§ SUPPLIED MATERIAL:
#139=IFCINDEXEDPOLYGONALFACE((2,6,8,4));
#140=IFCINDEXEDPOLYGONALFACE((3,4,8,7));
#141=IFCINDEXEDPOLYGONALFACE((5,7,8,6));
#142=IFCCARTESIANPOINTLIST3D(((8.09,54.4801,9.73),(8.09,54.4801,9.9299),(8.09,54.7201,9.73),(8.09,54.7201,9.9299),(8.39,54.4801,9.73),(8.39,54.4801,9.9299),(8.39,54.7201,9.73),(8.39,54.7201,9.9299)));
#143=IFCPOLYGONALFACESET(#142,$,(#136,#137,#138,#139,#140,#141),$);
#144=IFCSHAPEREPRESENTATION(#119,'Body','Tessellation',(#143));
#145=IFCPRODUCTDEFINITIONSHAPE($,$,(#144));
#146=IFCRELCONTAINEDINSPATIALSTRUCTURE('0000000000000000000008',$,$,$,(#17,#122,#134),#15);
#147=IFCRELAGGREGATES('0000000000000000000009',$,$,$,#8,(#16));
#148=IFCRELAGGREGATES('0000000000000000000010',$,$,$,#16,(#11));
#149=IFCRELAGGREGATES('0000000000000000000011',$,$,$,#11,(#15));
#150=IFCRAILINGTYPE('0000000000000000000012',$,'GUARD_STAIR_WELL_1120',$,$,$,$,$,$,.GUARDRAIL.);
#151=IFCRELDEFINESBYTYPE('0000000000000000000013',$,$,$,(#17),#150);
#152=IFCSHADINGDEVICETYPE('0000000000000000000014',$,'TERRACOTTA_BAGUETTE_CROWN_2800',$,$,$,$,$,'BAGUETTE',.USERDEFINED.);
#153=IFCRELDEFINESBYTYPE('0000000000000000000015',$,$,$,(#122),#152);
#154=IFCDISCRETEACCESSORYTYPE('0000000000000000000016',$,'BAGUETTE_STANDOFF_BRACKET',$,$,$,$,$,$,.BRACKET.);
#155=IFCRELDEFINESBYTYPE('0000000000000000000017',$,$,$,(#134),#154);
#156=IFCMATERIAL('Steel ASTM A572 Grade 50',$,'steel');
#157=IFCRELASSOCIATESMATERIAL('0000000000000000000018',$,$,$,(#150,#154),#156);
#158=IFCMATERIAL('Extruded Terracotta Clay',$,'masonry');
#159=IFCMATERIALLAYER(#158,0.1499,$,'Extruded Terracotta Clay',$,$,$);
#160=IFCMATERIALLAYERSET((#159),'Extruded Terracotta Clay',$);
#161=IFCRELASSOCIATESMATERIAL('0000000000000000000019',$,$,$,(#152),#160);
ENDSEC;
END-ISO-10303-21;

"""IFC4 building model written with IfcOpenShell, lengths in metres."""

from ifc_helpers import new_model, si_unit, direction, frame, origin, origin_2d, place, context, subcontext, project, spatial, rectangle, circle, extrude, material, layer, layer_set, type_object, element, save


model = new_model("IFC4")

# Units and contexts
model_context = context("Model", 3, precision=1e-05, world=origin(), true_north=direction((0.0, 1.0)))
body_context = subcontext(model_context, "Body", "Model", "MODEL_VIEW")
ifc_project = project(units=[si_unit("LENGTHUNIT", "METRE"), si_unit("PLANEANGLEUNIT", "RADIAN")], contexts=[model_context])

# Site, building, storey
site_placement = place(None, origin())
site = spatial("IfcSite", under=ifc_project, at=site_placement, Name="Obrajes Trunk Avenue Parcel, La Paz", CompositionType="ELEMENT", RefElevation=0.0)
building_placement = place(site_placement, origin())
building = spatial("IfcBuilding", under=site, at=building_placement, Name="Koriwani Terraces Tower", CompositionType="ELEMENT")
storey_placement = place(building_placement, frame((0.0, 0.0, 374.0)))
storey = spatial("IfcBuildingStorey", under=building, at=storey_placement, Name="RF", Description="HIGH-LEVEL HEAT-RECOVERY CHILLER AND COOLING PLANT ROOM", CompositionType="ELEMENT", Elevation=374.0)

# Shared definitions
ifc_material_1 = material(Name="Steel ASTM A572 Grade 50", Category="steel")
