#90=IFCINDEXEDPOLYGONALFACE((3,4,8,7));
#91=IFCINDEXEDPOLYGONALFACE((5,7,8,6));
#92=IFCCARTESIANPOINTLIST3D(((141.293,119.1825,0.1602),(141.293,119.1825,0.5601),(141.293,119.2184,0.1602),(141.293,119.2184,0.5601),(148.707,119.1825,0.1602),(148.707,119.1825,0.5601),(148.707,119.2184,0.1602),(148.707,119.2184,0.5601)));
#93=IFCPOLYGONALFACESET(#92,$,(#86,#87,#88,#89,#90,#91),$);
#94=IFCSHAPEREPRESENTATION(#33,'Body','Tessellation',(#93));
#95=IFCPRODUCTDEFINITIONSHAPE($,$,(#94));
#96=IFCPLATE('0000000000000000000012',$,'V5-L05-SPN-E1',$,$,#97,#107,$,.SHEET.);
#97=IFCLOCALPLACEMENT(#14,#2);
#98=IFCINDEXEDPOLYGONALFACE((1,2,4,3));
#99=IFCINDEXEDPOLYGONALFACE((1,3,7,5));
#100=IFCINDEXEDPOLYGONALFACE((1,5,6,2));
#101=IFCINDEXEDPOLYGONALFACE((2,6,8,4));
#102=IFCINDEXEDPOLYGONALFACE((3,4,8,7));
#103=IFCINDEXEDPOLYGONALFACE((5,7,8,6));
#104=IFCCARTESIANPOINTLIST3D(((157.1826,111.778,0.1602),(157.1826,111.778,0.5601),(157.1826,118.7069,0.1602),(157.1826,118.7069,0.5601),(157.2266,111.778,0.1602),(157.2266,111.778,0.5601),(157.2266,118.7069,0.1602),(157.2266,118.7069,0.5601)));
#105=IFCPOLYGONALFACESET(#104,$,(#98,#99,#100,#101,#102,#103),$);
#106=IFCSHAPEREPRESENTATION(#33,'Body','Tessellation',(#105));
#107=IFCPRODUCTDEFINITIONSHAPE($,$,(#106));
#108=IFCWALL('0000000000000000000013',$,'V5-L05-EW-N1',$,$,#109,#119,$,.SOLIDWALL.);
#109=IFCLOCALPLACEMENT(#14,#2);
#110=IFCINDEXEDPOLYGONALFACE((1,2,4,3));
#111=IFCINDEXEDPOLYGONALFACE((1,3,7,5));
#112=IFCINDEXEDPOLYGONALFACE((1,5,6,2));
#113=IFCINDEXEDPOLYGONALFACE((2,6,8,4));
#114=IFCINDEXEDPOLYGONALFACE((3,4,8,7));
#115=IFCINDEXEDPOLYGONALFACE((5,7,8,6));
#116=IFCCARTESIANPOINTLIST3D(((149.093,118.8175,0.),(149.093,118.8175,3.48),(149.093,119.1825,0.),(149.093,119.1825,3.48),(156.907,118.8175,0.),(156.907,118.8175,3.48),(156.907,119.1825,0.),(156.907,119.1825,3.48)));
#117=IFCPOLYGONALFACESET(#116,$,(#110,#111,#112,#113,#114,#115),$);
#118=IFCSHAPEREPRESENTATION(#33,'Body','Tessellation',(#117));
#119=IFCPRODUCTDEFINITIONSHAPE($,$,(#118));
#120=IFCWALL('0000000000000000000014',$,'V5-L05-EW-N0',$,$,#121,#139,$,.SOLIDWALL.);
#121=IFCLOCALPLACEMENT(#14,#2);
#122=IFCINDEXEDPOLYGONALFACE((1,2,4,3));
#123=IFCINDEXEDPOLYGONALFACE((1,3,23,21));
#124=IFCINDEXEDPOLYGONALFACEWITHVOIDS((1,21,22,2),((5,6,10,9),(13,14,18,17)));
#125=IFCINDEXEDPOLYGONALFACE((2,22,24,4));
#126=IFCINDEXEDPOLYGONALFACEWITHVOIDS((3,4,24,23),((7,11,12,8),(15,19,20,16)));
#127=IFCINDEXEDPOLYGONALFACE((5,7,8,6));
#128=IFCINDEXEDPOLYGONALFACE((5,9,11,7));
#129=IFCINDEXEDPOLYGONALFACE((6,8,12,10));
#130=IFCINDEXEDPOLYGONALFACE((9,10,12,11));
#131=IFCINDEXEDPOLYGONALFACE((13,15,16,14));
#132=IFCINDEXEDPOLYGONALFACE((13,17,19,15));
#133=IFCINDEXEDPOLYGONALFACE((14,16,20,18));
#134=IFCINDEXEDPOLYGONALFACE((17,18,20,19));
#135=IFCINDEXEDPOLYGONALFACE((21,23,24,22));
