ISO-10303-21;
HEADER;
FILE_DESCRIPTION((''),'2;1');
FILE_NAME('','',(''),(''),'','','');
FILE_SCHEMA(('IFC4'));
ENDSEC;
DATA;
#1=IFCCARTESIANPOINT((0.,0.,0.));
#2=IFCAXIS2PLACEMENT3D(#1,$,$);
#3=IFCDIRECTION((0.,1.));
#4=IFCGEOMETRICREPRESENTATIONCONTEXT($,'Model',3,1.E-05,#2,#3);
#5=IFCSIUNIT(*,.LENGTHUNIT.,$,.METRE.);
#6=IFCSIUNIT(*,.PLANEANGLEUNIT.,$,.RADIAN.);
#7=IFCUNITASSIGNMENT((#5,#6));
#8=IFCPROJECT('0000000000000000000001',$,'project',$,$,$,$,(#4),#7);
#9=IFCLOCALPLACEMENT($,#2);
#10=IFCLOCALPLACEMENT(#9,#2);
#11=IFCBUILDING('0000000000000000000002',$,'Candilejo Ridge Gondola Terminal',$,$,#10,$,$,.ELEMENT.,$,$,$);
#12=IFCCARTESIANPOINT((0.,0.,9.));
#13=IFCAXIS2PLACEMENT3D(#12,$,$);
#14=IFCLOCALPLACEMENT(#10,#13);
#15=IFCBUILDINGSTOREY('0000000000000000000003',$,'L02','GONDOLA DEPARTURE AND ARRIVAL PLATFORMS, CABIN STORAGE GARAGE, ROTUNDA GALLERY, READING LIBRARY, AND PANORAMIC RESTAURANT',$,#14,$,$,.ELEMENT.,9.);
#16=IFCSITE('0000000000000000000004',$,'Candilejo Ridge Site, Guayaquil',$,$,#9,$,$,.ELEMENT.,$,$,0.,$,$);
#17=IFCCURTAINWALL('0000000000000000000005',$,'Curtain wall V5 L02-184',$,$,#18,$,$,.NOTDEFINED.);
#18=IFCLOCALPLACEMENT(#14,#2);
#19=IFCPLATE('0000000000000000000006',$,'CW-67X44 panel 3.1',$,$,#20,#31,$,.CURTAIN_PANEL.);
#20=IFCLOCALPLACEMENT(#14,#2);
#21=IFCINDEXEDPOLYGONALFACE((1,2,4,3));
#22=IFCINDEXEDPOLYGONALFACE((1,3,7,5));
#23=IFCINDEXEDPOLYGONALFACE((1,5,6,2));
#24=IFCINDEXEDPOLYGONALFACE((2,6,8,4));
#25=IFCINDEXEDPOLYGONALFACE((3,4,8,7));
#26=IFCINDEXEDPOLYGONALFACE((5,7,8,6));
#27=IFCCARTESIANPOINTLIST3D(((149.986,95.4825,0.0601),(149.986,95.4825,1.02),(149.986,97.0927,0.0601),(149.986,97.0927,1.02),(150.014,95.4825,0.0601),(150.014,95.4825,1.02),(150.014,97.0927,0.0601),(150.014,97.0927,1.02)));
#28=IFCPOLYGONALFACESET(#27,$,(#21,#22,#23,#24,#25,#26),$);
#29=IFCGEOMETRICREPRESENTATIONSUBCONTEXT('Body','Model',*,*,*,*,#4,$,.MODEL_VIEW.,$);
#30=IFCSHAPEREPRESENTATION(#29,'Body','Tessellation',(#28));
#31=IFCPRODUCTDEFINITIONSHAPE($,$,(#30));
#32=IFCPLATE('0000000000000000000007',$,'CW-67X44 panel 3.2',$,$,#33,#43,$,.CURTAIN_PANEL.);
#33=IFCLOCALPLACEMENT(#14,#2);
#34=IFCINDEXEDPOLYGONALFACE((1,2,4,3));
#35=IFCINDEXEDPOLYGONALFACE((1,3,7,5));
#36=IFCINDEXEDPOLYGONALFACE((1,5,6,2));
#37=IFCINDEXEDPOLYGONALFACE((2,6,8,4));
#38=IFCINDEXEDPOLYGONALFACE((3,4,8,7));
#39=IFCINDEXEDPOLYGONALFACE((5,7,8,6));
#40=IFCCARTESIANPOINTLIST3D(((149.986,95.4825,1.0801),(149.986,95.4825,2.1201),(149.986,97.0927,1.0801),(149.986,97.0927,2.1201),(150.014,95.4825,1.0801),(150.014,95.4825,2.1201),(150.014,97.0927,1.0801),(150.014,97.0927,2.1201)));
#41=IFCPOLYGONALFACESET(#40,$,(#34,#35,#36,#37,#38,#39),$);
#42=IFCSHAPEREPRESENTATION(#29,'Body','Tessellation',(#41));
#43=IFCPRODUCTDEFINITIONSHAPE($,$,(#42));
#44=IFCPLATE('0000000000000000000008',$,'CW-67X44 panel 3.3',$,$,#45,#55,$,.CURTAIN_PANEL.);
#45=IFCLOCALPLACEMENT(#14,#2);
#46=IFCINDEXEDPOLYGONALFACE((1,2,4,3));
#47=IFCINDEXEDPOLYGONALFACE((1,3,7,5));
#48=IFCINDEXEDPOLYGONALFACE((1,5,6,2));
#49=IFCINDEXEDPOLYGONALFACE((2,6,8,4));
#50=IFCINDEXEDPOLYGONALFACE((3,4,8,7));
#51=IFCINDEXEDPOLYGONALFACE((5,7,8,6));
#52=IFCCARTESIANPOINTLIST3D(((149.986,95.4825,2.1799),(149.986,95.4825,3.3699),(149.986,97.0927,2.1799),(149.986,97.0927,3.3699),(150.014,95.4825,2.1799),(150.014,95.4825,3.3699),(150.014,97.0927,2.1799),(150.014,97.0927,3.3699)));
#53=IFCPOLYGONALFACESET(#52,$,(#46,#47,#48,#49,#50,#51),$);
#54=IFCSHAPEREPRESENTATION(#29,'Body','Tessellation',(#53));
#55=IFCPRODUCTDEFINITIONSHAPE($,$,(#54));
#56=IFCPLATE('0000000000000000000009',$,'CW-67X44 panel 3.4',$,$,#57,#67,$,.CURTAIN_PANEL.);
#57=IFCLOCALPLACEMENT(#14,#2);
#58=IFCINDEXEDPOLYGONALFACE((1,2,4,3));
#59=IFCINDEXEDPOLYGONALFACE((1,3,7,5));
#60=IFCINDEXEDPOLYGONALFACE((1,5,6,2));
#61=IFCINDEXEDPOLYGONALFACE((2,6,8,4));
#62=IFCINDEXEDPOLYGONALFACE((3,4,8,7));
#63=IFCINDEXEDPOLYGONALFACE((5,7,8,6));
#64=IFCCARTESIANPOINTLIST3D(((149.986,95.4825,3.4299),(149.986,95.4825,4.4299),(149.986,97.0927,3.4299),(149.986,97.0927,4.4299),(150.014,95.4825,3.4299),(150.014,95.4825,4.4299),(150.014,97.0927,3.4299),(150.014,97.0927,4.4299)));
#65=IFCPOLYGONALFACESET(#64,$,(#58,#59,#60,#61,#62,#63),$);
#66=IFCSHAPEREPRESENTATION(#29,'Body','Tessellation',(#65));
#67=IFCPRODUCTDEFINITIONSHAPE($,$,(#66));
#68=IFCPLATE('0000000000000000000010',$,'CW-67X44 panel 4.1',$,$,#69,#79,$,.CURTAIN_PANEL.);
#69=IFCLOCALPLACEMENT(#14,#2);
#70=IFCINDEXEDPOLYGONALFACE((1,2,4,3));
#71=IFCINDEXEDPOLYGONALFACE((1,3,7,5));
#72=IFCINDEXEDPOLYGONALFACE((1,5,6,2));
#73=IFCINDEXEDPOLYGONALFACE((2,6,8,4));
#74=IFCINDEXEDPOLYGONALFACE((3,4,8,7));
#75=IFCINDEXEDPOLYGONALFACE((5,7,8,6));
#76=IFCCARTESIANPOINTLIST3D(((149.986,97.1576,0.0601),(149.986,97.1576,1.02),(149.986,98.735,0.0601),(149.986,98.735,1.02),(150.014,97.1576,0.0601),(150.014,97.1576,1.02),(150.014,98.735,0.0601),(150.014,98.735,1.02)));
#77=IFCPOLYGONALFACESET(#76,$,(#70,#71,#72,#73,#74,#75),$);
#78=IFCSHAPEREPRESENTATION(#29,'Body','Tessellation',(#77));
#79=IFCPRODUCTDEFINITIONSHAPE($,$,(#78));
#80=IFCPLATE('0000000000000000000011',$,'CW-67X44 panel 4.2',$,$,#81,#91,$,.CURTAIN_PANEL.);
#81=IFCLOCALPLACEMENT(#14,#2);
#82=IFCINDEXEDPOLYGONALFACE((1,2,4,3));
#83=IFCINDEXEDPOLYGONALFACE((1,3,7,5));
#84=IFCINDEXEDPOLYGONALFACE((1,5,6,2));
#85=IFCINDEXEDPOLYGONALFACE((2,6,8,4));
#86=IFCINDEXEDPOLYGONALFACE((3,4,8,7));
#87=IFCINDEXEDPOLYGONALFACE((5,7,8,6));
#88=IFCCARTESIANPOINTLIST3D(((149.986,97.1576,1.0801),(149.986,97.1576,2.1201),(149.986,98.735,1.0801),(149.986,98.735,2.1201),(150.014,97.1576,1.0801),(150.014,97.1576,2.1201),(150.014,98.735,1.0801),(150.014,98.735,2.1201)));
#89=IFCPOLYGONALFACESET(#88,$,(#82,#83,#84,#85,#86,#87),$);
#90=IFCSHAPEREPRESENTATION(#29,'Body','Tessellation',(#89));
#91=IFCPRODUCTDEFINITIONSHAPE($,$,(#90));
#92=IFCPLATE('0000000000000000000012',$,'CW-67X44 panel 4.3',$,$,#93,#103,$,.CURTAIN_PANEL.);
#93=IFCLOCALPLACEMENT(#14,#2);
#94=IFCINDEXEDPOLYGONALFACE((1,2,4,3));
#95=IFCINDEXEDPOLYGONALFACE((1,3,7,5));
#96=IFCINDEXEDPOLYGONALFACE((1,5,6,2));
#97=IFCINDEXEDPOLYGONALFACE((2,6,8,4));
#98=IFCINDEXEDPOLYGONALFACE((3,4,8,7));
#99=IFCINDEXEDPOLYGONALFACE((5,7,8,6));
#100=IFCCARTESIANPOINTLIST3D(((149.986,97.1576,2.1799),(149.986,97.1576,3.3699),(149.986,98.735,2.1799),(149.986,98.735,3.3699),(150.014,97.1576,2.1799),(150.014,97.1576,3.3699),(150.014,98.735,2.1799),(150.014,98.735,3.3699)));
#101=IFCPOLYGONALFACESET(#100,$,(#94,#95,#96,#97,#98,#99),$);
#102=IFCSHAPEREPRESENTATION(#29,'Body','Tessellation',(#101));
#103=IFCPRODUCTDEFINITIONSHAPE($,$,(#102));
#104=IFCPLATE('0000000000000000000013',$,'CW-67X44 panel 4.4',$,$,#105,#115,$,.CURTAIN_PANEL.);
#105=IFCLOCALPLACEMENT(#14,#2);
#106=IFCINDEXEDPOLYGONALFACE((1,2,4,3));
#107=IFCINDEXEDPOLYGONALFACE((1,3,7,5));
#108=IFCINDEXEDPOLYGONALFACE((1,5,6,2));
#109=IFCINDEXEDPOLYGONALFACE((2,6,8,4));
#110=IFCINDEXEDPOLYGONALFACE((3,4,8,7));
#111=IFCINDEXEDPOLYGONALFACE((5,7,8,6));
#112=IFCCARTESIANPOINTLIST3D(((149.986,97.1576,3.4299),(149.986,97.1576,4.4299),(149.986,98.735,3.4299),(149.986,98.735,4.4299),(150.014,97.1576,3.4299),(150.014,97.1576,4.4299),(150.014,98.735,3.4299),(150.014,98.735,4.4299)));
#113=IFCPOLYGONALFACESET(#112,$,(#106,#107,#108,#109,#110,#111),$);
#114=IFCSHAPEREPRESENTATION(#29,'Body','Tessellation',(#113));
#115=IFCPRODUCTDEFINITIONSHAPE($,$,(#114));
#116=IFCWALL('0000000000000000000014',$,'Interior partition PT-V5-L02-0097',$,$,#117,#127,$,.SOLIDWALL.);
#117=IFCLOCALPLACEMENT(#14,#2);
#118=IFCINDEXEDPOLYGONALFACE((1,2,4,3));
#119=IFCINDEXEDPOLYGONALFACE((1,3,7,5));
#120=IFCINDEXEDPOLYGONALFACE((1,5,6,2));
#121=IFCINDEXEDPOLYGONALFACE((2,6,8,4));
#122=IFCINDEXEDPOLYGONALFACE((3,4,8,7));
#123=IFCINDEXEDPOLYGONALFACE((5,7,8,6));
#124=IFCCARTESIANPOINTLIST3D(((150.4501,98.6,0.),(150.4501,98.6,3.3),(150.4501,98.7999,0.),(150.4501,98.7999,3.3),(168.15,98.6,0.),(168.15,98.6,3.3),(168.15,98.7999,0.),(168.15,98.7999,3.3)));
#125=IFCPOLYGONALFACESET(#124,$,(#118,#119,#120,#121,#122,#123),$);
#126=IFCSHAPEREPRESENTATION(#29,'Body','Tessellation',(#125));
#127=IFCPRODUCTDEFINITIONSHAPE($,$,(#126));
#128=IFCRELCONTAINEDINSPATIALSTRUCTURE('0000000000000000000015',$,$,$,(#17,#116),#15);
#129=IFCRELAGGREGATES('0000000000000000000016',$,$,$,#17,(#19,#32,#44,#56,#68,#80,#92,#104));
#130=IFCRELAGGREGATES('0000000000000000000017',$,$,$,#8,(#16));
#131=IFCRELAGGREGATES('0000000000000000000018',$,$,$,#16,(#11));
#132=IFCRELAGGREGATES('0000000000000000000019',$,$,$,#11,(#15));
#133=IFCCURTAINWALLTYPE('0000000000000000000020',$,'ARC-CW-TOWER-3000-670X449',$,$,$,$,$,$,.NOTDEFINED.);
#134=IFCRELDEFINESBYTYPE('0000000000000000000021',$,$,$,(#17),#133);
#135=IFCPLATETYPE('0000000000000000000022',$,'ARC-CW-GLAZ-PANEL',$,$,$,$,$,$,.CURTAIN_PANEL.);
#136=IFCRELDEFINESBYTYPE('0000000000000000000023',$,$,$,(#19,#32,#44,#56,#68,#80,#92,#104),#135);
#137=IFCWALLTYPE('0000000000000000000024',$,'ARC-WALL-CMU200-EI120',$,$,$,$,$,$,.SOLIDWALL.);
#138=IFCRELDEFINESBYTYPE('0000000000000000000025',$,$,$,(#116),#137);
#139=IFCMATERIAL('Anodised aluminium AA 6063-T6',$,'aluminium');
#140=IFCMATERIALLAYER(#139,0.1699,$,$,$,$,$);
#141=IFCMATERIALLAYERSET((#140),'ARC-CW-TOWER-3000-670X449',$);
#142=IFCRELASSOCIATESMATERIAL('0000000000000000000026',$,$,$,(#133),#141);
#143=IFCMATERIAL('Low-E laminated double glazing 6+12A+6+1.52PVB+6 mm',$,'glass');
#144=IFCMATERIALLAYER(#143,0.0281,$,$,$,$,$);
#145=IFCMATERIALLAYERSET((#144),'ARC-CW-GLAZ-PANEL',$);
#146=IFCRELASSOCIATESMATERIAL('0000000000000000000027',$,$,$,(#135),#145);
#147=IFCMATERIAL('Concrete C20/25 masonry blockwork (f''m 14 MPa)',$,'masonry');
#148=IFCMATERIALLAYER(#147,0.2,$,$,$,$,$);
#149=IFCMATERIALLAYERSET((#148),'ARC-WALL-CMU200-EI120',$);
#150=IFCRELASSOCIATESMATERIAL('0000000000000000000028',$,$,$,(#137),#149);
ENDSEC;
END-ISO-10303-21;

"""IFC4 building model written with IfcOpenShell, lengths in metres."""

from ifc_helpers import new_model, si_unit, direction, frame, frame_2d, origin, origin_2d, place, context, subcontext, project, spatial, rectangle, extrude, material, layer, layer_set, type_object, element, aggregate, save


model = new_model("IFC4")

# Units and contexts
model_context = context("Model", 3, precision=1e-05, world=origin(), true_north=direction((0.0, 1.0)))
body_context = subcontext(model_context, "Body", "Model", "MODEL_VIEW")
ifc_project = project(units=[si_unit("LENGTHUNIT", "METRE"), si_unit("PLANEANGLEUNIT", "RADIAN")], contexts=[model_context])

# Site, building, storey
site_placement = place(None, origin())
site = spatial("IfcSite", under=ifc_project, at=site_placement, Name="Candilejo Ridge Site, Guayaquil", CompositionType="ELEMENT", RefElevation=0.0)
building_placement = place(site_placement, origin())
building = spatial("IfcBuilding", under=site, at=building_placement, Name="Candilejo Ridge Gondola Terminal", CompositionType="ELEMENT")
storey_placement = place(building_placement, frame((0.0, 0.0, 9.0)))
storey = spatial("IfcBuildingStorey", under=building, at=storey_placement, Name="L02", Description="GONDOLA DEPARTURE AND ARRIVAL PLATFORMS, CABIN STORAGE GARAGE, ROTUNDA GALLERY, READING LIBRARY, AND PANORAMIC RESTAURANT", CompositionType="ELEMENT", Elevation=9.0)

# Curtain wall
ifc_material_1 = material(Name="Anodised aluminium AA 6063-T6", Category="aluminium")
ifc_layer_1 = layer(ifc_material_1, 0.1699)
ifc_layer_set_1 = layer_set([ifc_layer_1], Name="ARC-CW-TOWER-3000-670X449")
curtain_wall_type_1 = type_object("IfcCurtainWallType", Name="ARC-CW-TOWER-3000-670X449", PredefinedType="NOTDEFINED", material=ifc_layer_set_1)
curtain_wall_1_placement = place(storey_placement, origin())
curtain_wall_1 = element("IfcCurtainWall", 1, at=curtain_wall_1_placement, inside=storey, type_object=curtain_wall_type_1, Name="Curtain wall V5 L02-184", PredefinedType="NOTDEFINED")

§ EXERCISE PROMPT: Working from the data above, extract solely the lines from the one containing "#5=IFCSIUNIT(*,.LENGTHUNIT.,$,.METRE.);" through the one containing "#10=IFCLOCALPLACEMENT(#9,#2);", exactly as they appear, both included.

§ TASK OUTPUT:
#5=IFCSIUNIT(*,.LENGTHUNIT.,$,.METRE.);
#6=IFCSIUNIT(*,.PLANEANGLEUNIT.,$,.RADIAN.);
#7=IFCUNITASSIGNMENT((#5,#6));
#8=IFCPROJECT('0000000000000000000001',$,'project',$,$,$,$,(#4),#7);
#9=IFCLOCALPLACEMENT($,#2);
#10=IFCLOCALPLACEMENT(#9,#2);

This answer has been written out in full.